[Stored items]

---*---

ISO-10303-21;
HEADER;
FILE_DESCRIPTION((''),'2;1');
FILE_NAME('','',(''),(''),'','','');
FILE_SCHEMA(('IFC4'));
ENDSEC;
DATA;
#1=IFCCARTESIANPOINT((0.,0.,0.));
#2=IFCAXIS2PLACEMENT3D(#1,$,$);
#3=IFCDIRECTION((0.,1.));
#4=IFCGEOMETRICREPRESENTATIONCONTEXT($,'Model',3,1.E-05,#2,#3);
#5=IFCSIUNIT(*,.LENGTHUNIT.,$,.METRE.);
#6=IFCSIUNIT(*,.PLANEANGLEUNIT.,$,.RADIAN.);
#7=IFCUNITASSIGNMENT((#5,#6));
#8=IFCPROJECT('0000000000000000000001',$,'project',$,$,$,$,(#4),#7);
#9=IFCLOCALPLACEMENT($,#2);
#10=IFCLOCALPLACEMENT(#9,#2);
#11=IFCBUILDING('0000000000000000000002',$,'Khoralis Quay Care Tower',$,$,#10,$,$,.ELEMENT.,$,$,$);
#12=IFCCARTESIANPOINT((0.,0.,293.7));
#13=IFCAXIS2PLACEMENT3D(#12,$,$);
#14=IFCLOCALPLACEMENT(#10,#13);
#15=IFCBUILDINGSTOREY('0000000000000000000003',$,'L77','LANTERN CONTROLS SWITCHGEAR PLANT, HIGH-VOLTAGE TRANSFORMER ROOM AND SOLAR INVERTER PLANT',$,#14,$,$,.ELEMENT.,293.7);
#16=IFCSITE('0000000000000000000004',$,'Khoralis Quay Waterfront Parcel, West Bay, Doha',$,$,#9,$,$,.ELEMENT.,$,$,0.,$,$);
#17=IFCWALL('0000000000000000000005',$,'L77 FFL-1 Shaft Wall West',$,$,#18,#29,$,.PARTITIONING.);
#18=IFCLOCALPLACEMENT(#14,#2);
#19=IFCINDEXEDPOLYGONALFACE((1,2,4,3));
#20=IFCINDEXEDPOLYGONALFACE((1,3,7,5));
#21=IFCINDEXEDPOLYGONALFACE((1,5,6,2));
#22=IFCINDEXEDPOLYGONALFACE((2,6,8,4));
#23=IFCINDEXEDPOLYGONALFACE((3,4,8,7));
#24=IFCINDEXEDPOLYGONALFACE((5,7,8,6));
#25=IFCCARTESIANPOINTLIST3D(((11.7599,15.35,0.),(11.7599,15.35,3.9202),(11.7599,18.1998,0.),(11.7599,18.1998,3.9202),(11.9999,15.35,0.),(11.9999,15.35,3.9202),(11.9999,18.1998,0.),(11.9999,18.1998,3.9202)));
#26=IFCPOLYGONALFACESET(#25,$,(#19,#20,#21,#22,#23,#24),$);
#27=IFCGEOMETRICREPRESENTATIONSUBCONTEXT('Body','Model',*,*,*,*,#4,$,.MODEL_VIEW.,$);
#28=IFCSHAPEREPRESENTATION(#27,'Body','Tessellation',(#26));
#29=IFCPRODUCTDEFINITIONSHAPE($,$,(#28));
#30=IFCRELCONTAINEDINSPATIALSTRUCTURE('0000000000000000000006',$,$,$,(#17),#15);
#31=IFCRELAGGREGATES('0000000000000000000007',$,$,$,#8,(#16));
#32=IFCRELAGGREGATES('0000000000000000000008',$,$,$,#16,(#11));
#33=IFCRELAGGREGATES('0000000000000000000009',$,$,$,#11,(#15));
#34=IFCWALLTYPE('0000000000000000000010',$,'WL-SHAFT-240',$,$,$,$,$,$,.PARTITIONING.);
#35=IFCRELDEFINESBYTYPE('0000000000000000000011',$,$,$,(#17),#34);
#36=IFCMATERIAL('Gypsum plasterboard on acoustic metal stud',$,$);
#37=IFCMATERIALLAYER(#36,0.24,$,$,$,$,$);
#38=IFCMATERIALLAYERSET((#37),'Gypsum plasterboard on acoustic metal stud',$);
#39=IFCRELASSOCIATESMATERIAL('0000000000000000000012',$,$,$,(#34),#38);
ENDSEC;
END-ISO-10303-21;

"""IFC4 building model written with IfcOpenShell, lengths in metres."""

from ifc_helpers import new_model, si_unit, direction, frame, frame_2d, origin, place, context, subcontext, project, spatial, rectangle, extrude, material, layer, layer_set, type_object, element, save


model = new_model("IFC4")

# Units and contexts
model_context = context("Model", 3, precision=1e-05, world=origin(), true_north=direction((0.0, 1.0)))
body_context = subcontext(model_context, "Body", "Model", "MODEL_VIEW")
ifc_project = project(units=[si_unit("LENGTHUNIT", "METRE"), si_unit("PLANEANGLEUNIT", "RADIAN")], contexts=[model_context])

# Site, building, storey
site_placement = place(None, origin())
site = spatial("IfcSite", under=ifc_project, at=site_placement, Name="Khoralis Quay Waterfront Parcel, West Bay, Doha", CompositionType="ELEMENT", RefElevation=0.0)
building_placement = place(site_placement, origin())
building = spatial("IfcBuilding", under=site, at=building_placement, Name="Khoralis Quay Care Tower", CompositionType="ELEMENT")
storey_placement = place(building_placement, frame((0.0, 0.0, 293.7)))
storey = spatial("IfcBuildingStorey", under=building, at=storey_placement, Name="L77", Description="LANTERN CONTROLS SWITCHGEAR PLANT, HIGH-VOLTAGE TRANSFORMER ROOM AND SOLAR INVERTER PLANT", CompositionType="ELEMENT", Elevation=293.7)

# Shared definitions
ifc_material_1 = material(Name="Gypsum plasterboard on acoustic metal stud")

# Wall
ifc_layer_1 = layer(ifc_material_1, 0.24)
ifc_layer_set_1 = layer_set([ifc_layer_1], Name="Gypsum plasterboard on acoustic metal stud")
wall_type_1 = type_object("IfcWallType", Name="WL-SHAFT-240", PredefinedType="PARTITIONING", material=ifc_layer_set_1)
wall_1_placement = place(storey_placement, frame((11.8799, 15.3501, 0.0), z_axis=(0.0, 0.0, 1.0), x_axis=(0.0, 1.0, 0.0)))
element("IfcWall", 1, at=wall_1_placement, inside=storey, type_object=wall_type_1, Name="L77 FFL-1 Shaft Wall West", PredefinedType="PARTITIONING", context=body_context, shape_type="SweptSolid", body=[
    extrude(rectangle(XDim=2.8499, YDim=0.24, at=frame_2d((1.4248, 0.0))), origin(), (0.0, 0.0, 1.0), 3.9202),
])

save(model, "model.ifc")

---*---

## Exercise details:
When you reach this point, go back and write out each record above exactly.

## Task solution:
ISO-10303-21;
HEADER;
FILE_DESCRIPTION((''),'2;1');
FILE_NAME('','',(''),(''),'','','');
FILE_SCHEMA(('IFC4'));
ENDSEC;
DATA;
#1=IFCCARTESIANPOINT((0.,0.,0.));
#2=IFCAXIS2PLACEMENT3D(#1,$,$);
#3=IFCDIRECTION((0.,1.));
#4=IFCGEOMETRICREPRESENTATIONCONTEXT($,'Model',3,1.E-05,#2,#3);
#5=IFCSIUNIT(*,.LENGTHUNIT.,$,.METRE.);
#6=IFCSIUNIT(*,.PLANEANGLEUNIT.,$,.RADIAN.);
#7=IFCUNITASSIGNMENT((#5,#6));
#8=IFCPROJECT('0000000000000000000001',$,'project',$,$,$,$,(#4),#7);
#9=IFCLOCALPLACEMENT($,#2);
#10=IFCLOCALPLACEMENT(#9,#2);
#11=IFCBUILDING('0000000000000000000002',$,'Khoralis Quay Care Tower',$,$,#10,$,$,.ELEMENT.,$,$,$);
#12=IFCCARTESIANPOINT((0.,0.,293.7));
#13=IFCAXIS2PLACEMENT3D(#12,$,$);
#14=IFCLOCALPLACEMENT(#10,#13);
#15=IFCBUILDINGSTOREY('0000000000000000000003',$,'L77','LANTERN CONTROLS SWITCHGEAR PLANT, HIGH-VOLTAGE TRANSFORMER ROOM AND SOLAR INVERTER PLANT',$,#14,$,$,.ELEMENT.,293.7);
#16=IFCSITE('0000000000000000000004',$,'Khoralis Quay Waterfront Parcel, West Bay, Doha',$,$,#9,$,$,.ELEMENT.,$,$,0.,$,$);
#17=IFCWALL('0000000000000000000005',$,'L77 FFL-1 Shaft Wall West',$,$,#18,#29,$,.PARTITIONING.);
#18=IFCLOCALPLACEMENT(#14,#2);
#19=IFCINDEXEDPOLYGONALFACE((1,2,4,3));
#20=IFCINDEXEDPOLYGONALFACE((1,3,7,5));
#21=IFCINDEXEDPOLYGONALFACE((1,5,6,2));
#22=IFCINDEXEDPOLYGONALFACE((2,6,8,4));
#23=IFCINDEXEDPOLYGONALFACE((3,4,8,7));
#24=IFCINDEXEDPOLYGONALFACE((5,7,8,6));
#25=IFCCARTESIANPOINTLIST3D(((11.7599,15.35,0.),(11.7599,15.35,3.9202),(11.7599,18.1998,0.),(11.7599,18.1998,3.9202),(11.9999,15.35,0.),(11.9999,15.35,3.9202),(11.9999,18.1998,0.),(11.9999,18.1998,3.9202)));
#26=IFCPOLYGONALFACESET(#25,$,(#19,#20,#21,#22,#23,#24),$);
#27=IFCGEOMETRICREPRESENTATIONSUBCONTEXT('Body','Model',*,*,*,*,#4,$,.MODEL_VIEW.,$);
#28=IFCSHAPEREPRESENTATION(#27,'Body','Tessellation',(#26));
#29=IFCPRODUCTDEFINITIONSHAPE($,$,(#28));
#30=IFCRELCONTAINEDINSPATIALSTRUCTURE('0000000000000000000006',$,$,$,(#17),#15);
#31=IFCRELAGGREGATES('0000000000000000000007',$,$,$,#8,(#16));
#32=IFCRELAGGREGATES('0000000000000000000008',$,$,$,#16,(#11));
#33=IFCRELAGGREGATES('0000000000000000000009',$,$,$,#11,(#15));
#34=IFCWALLTYPE('0000000000000000000010',$,'WL-SHAFT-240',$,$,$,$,$,$,.PARTITIONING.);
#35=IFCRELDEFINESBYTYPE('0000000000000000000011',$,$,$,(#17),#34);
#36=IFCMATERIAL('Gypsum plasterboard on acoustic metal stud',$,$);
#37=IFCMATERIALLAYER(#36,0.24,$,$,$,$,$);
#38=IFCMATERIALLAYERSET((#37),'Gypsum plasterboard on acoustic metal stud',$);
#39=IFCRELASSOCIATESMATERIAL('0000000000000000000012',$,$,$,(#34),#38);
ENDSEC;
END-ISO-10303-21;

"""IFC4 building model written with IfcOpenShell, lengths in metres."""

from ifc_helpers import new_model, si_unit, direction, frame, frame_2d, origin, place, context, subcontext, project, spatial, rectangle, extrude, material, layer, layer_set, type_object, element, save


model = new_model("IFC4")

# Units and contexts
model_context = context("Model", 3, precision=1e-05, world=origin(), true_north=direction((0.0, 1.0)))
body_context = subcontext(model_context, "Body", "Model", "MODEL_VIEW")
ifc_project = project(units=[si_unit("LENGTHUNIT", "METRE"), si_unit("PLANEANGLEUNIT", "RADIAN")], contexts=[model_context])

# Site, building, storey
site_placement = place(None, origin())
site = spatial("IfcSite", under=ifc_project, at=site_placement, Name="Khoralis Quay Waterfront Parcel, West Bay, Doha", CompositionType="ELEMENT", RefElevation=0.0)
building_placement = place(site_placement, origin())
building = spatial("IfcBuilding", under=site, at=building_placement, Name="Khoralis Quay Care Tower", CompositionType="ELEMENT")
storey_placement = place(building_placement, frame((0.0, 0.0, 293.7)))
storey = spatial("IfcBuildingStorey", under=building, at=storey_placement, Name="L77", Description="LANTERN CONTROLS SWITCHGEAR PLANT, HIGH-VOLTAGE TRANSFORMER ROOM AND SOLAR INVERTER PLANT", CompositionType="ELEMENT", Elevation=293.7)

# Shared definitions
ifc_material_1 = material(Name="Gypsum plasterboard on acoustic metal stud")

# Wall
ifc_layer_1 = layer(ifc_material_1, 0.24)
ifc_layer_set_1 = layer_set([ifc_layer_1], Name="Gypsum plasterboard on acoustic metal stud")
wall_type_1 = type_object("IfcWallType", Name="WL-SHAFT-240", PredefinedType="PARTITIONING", material=ifc_layer_set_1)
wall_1_placement = place(storey_placement, frame((11.8799, 15.3501, 0.0), z_axis=(0.0, 0.0, 1.0), x_axis=(0.0, 1.0, 0.0)))
element("IfcWall", 1, at=wall_1_placement, inside=storey, type_object=wall_type_1, Name="L77 FFL-1 Shaft Wall West", PredefinedType="PARTITIONING", context=body_context, shape_type="SweptSolid", body=[
    extrude(rectangle(XDim=2.8499, YDim=0.24, at=frame_2d((1.4248, 0.0))), origin(), (0.0, 0.0, 1.0), 3.9202),
])

save(model, "model.ifc")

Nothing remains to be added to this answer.